*** Block opens ***

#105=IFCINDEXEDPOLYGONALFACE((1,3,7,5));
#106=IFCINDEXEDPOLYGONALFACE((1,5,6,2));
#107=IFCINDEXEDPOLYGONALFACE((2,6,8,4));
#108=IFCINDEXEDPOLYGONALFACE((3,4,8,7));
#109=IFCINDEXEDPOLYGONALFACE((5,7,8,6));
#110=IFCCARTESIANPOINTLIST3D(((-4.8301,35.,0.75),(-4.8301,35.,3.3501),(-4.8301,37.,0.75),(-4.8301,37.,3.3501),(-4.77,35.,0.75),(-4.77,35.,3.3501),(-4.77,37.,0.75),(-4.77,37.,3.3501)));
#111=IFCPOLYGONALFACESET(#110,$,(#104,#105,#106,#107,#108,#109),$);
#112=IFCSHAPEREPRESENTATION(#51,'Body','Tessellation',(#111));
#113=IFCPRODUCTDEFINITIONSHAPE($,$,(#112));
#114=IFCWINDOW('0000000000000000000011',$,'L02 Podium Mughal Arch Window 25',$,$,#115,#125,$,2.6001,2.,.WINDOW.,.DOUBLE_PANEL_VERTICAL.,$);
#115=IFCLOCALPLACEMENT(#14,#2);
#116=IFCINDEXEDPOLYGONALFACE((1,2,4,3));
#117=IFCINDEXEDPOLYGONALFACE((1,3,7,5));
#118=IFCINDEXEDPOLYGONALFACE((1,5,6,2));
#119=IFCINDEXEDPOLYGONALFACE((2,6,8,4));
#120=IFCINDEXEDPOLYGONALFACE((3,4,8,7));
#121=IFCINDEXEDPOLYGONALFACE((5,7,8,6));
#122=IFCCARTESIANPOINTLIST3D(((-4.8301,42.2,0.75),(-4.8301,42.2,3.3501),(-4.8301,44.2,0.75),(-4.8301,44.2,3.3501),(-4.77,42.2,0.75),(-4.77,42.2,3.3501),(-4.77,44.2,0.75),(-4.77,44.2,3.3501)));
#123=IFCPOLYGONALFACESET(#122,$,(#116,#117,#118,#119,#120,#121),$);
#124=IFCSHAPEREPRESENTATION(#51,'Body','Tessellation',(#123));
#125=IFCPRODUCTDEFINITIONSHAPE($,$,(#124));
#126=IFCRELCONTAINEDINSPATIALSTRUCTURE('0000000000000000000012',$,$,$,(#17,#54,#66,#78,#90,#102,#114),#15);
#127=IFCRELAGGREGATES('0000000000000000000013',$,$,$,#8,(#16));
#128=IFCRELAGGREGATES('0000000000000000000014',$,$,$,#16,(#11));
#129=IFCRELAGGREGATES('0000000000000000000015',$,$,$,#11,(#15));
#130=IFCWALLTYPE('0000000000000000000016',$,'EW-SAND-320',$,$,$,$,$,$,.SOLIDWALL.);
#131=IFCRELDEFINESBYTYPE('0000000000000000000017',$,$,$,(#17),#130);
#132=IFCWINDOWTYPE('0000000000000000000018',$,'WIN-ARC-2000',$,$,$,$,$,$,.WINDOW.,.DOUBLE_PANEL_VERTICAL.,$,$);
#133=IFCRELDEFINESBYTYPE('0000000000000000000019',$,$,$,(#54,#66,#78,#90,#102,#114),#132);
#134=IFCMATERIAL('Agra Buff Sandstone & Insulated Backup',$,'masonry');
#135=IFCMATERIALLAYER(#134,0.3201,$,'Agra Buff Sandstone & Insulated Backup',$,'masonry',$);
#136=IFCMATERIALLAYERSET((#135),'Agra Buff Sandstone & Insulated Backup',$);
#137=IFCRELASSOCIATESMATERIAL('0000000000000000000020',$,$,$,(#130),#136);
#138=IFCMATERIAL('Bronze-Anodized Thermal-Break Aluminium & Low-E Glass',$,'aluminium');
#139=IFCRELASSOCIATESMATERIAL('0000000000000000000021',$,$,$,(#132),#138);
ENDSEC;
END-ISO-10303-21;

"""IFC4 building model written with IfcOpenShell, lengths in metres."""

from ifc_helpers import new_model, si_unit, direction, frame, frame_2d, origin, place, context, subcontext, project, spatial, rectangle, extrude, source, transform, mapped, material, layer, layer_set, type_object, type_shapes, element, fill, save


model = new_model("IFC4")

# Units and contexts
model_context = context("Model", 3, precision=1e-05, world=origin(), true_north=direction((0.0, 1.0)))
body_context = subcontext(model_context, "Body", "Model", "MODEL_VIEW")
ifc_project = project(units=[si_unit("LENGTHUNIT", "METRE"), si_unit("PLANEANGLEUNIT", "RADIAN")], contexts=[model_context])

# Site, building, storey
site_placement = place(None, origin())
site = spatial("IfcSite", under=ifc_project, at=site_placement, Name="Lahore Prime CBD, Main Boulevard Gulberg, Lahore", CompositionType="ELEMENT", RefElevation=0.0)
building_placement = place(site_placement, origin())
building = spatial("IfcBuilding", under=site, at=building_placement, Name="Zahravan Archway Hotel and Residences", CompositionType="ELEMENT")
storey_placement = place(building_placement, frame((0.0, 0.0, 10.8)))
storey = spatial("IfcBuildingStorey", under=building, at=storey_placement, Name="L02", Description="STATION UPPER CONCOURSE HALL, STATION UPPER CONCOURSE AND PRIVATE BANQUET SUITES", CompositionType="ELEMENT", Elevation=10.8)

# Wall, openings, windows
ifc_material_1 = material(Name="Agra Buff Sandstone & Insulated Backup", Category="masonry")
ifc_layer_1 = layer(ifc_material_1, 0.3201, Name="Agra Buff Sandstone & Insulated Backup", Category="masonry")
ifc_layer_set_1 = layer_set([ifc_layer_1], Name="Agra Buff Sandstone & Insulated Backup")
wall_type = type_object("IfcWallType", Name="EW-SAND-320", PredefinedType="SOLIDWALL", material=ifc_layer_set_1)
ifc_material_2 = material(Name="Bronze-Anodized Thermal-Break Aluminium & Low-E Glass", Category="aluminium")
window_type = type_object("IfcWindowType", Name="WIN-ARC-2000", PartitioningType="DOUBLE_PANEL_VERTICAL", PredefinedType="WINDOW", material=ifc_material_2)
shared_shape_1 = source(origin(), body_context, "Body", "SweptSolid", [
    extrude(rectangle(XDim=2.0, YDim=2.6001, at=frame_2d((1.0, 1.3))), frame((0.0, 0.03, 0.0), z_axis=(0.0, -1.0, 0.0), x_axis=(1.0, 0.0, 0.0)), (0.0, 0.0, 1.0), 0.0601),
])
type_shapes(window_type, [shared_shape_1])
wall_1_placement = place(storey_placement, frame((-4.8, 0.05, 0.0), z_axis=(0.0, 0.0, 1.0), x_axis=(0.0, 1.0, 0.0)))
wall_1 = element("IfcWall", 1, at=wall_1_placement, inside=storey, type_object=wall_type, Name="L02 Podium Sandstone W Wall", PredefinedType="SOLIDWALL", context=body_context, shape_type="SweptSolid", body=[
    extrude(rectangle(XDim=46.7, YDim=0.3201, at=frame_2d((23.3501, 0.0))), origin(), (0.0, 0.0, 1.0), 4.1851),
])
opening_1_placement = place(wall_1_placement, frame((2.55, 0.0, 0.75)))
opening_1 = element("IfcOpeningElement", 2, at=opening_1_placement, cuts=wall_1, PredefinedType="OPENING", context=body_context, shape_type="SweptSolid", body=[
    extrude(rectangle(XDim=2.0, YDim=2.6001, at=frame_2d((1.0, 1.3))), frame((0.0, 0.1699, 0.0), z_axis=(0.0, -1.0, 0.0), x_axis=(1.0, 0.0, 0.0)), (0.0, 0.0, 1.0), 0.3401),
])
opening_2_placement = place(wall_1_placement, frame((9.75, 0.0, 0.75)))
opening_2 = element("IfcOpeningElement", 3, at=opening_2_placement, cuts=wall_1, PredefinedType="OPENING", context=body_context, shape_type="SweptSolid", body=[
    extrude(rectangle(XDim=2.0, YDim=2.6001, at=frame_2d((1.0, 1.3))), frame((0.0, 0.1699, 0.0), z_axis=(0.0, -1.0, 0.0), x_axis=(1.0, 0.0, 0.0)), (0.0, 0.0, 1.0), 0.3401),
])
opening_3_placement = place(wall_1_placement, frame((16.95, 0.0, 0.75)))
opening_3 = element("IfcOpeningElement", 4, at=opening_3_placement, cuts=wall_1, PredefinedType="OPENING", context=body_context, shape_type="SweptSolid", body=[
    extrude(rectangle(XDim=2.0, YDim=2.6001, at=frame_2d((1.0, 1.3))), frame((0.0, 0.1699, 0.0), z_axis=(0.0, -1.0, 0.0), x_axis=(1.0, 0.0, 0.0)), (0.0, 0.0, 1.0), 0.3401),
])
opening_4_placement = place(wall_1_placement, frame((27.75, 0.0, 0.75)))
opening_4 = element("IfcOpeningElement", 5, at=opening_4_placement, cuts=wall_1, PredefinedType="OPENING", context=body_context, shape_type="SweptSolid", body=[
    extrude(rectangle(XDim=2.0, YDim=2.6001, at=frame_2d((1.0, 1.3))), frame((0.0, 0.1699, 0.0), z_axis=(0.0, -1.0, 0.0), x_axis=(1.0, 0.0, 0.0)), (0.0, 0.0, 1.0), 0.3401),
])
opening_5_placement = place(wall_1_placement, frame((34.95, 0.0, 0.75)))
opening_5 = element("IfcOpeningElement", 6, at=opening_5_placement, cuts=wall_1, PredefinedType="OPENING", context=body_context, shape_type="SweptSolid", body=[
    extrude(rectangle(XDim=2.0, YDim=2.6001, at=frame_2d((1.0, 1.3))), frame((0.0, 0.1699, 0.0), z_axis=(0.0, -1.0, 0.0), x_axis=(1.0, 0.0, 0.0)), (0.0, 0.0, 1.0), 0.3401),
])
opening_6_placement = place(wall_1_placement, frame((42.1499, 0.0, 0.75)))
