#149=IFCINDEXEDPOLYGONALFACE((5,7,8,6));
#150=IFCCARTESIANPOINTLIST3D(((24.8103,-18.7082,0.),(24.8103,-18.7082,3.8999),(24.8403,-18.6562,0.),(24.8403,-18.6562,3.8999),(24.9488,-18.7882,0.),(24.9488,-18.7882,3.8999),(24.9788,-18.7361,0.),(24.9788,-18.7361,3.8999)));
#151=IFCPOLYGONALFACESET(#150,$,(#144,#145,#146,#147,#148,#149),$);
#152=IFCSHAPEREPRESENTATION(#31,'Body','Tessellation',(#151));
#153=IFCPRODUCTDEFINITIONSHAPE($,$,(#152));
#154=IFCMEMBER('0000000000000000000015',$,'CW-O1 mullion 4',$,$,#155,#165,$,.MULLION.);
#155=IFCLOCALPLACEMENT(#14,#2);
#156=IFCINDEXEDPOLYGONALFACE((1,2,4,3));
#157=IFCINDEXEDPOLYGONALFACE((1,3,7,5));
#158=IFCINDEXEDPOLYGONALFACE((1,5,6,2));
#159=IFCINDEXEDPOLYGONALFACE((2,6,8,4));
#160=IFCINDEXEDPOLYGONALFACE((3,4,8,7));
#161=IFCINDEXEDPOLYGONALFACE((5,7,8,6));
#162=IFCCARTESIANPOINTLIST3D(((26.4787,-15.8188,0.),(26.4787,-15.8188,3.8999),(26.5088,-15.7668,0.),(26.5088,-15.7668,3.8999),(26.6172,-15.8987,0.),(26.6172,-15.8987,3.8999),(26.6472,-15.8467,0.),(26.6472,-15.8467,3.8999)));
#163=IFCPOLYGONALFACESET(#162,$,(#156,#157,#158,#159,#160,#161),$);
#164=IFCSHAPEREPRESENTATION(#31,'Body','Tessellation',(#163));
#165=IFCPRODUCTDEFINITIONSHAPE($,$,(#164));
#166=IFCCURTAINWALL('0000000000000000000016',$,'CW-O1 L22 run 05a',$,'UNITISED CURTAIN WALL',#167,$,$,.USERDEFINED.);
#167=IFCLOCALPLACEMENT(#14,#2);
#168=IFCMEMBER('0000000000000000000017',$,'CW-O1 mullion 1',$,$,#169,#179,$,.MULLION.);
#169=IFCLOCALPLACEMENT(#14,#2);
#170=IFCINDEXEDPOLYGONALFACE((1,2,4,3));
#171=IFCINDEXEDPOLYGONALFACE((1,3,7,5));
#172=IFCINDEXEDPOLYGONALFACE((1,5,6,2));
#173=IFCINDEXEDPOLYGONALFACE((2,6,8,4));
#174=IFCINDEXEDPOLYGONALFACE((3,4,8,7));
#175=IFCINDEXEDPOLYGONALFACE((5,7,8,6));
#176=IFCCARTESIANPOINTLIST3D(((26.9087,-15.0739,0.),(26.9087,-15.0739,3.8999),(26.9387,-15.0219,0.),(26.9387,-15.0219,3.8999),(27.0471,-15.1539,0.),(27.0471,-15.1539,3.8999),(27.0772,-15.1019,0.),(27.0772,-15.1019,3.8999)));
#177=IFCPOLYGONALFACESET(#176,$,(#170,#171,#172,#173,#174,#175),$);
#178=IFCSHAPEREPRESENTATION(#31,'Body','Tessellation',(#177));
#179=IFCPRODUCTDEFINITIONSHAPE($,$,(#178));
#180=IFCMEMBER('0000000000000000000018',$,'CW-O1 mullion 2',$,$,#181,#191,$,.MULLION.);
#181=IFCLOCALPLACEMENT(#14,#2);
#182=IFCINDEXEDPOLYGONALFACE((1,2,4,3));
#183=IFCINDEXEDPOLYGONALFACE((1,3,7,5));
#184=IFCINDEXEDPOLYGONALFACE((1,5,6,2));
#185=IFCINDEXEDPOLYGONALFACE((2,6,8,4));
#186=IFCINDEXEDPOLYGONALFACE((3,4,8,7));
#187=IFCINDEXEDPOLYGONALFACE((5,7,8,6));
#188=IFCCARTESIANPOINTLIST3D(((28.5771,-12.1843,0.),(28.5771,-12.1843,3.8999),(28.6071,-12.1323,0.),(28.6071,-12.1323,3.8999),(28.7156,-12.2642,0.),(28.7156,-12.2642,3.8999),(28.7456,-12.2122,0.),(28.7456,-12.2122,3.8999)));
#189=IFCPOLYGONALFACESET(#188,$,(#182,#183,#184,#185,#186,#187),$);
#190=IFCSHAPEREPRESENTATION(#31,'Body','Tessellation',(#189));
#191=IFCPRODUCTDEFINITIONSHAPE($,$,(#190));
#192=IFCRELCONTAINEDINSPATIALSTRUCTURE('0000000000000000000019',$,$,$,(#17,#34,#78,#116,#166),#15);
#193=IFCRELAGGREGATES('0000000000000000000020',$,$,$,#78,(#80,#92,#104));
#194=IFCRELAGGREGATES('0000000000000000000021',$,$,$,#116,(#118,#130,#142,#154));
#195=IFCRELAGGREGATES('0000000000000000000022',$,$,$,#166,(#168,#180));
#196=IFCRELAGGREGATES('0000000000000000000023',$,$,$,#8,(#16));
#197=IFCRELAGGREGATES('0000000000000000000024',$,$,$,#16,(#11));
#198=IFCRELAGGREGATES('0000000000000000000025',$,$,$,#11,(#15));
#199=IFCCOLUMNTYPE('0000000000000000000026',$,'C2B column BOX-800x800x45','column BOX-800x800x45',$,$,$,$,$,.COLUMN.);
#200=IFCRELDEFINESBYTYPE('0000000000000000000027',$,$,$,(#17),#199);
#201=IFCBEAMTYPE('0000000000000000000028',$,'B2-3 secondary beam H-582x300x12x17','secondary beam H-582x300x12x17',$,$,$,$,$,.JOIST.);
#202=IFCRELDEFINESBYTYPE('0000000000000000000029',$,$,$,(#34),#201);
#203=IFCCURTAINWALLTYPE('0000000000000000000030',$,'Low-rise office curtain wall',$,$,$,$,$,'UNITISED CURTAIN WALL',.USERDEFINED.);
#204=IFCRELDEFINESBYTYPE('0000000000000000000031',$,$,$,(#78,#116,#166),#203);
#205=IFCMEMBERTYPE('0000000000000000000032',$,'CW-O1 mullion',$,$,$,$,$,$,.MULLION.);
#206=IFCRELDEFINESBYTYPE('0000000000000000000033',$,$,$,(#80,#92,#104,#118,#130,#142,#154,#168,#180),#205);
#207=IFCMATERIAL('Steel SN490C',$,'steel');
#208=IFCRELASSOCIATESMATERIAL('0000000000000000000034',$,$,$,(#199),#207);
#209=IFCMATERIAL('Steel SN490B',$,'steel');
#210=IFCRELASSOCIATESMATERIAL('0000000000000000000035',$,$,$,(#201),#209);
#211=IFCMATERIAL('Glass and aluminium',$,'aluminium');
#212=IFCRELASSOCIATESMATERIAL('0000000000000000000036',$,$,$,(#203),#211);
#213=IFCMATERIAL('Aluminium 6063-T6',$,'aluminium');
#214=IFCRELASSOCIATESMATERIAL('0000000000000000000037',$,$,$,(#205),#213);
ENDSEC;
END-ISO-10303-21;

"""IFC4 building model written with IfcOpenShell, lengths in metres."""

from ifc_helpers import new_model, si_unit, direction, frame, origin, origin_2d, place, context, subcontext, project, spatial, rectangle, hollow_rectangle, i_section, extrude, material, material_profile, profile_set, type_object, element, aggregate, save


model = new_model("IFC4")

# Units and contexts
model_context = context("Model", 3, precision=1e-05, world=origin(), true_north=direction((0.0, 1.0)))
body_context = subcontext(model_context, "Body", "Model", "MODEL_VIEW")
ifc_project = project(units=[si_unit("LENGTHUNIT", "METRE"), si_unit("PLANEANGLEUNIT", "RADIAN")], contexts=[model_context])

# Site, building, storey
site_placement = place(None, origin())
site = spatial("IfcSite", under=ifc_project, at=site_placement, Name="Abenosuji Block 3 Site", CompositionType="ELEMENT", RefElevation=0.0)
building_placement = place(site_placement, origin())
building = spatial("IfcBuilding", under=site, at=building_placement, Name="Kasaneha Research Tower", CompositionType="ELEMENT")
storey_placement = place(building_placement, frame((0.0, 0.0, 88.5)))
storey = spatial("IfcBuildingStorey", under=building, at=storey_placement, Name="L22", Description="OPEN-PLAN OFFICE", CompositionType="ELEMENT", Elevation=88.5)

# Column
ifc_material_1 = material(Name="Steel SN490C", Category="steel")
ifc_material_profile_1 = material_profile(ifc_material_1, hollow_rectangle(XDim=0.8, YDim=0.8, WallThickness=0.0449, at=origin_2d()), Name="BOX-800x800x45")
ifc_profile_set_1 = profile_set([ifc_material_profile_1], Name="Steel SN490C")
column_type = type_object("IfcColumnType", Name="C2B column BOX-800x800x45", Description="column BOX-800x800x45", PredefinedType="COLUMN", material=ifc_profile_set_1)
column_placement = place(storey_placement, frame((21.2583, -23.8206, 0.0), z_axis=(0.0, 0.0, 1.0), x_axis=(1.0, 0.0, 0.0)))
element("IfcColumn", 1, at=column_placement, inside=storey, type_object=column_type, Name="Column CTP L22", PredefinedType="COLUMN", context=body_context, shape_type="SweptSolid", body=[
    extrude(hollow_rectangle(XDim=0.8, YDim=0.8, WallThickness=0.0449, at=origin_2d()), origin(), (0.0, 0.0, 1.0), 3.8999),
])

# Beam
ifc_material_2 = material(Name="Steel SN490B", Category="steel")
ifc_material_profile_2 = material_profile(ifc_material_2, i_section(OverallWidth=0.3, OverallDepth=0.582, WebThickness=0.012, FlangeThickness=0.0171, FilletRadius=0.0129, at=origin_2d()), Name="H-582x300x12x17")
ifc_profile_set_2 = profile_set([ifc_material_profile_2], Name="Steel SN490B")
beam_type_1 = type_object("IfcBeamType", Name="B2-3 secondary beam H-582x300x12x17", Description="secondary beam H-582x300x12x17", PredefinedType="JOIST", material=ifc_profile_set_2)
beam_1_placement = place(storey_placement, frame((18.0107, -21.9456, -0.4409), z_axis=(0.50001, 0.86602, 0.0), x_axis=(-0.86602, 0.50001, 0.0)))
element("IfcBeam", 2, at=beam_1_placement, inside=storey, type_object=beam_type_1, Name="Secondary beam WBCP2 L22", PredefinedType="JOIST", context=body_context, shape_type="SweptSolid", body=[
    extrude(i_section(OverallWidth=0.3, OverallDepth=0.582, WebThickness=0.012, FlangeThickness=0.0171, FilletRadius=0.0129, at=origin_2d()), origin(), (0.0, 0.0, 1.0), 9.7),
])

*** Block closes ***

Reproduce exactly the stretch of the material above that starts at the line with "#167=IFCLOCALPLACEMENT(#14,#2);" and ends at the line with "#178=IFCSHAPEREPRESENTATION(#31,'Body','Tessellation',(#177));", both included, and nothing else.

**Final answer**
#167=IFCLOCALPLACEMENT(#14,#2);
#168=IFCMEMBER('0000000000000000000017',$,'CW-O1 mullion 1',$,$,#169,#179,$,.MULLION.);
#169=IFCLOCALPLACEMENT(#14,#2);
#170=IFCINDEXEDPOLYGONALFACE((1,2,4,3));
#171=IFCINDEXEDPOLYGONALFACE((1,3,7,5));
#172=IFCINDEXEDPOLYGONALFACE((1,5,6,2));
#173=IFCINDEXEDPOLYGONALFACE((2,6,8,4));
#174=IFCINDEXEDPOLYGONALFACE((3,4,8,7));
#175=IFCINDEXEDPOLYGONALFACE((5,7,8,6));
#176=IFCCARTESIANPOINTLIST3D(((26.9087,-15.0739,0.),(26.9087,-15.0739,3.8999),(26.9387,-15.0219,0.),(26.9387,-15.0219,3.8999),(27.0471,-15.1539,0.),(27.0471,-15.1539,3.8999),(27.0772,-15.1019,0.),(27.0772,-15.1019,3.8999)));
#177=IFCPOLYGONALFACESET(#176,$,(#170,#171,#172,#173,#174,#175),$);
#178=IFCSHAPEREPRESENTATION(#31,'Body','Tessellation',(#177));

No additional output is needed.